Start of Block
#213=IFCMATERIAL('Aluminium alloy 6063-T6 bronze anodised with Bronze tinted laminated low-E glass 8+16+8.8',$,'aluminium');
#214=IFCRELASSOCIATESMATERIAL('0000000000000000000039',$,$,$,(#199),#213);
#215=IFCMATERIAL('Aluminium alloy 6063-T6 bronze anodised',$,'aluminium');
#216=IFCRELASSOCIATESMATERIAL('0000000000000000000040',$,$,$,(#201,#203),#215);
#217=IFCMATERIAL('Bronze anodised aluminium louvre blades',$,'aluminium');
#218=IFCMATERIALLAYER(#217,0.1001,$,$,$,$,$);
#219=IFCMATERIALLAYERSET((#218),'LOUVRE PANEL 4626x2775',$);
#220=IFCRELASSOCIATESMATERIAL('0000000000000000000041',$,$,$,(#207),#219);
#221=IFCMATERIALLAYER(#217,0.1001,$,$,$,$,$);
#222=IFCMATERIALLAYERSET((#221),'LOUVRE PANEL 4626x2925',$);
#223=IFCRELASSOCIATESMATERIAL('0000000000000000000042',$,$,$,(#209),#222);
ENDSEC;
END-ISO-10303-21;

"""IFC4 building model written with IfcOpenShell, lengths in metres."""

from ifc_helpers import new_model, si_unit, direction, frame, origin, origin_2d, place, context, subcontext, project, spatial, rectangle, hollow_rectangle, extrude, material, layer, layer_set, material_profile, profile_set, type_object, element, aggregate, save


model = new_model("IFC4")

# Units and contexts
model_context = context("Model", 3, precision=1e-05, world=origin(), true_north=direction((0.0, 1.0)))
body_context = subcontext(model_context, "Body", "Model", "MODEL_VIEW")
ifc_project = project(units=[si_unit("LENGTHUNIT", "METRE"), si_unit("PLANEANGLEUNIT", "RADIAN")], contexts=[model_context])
End of Block
# [Assigned task]
So that nothing is lost, please reproduce each entry exactly as written.

# [Reply to the task]
#213=IFCMATERIAL('Aluminium alloy 6063-T6 bronze anodised with Bronze tinted laminated low-E glass 8+16+8.8',$,'aluminium');
#214=IFCRELASSOCIATESMATERIAL('0000000000000000000039',$,$,$,(#199),#213);
#215=IFCMATERIAL('Aluminium alloy 6063-T6 bronze anodised',$,'aluminium');
#216=IFCRELASSOCIATESMATERIAL('0000000000000000000040',$,$,$,(#201,#203),#215);
#217=IFCMATERIAL('Bronze anodised aluminium louvre blades',$,'aluminium');
#218=IFCMATERIALLAYER(#217,0.1001,$,$,$,$,$);
#219=IFCMATERIALLAYERSET((#218),'LOUVRE PANEL 4626x2775',$);
#220=IFCRELASSOCIATESMATERIAL('0000000000000000000041',$,$,$,(#207),#219);
#221=IFCMATERIALLAYER(#217,0.1001,$,$,$,$,$);
#222=IFCMATERIALLAYERSET((#221),'LOUVRE PANEL 4626x2925',$);
#223=IFCRELASSOCIATESMATERIAL('0000000000000000000042',$,$,$,(#209),#222);
ENDSEC;
END-ISO-10303-21;

"""IFC4 building model written with IfcOpenShell, lengths in metres."""

from ifc_helpers import new_model, si_unit, direction, frame, origin, origin_2d, place, context, subcontext, project, spatial, rectangle, hollow_rectangle, extrude, material, layer, layer_set, material_profile, profile_set, type_object, element, aggregate, save


model = new_model("IFC4")

# Units and contexts
model_context = context("Model", 3, precision=1e-05, world=origin(), true_north=direction((0.0, 1.0)))
body_context = subcontext(model_context, "Body", "Model", "MODEL_VIEW")
ifc_project = project(units=[si_unit("LENGTHUNIT", "METRE"), si_unit("PLANEANGLEUNIT", "RADIAN")], contexts=[model_context])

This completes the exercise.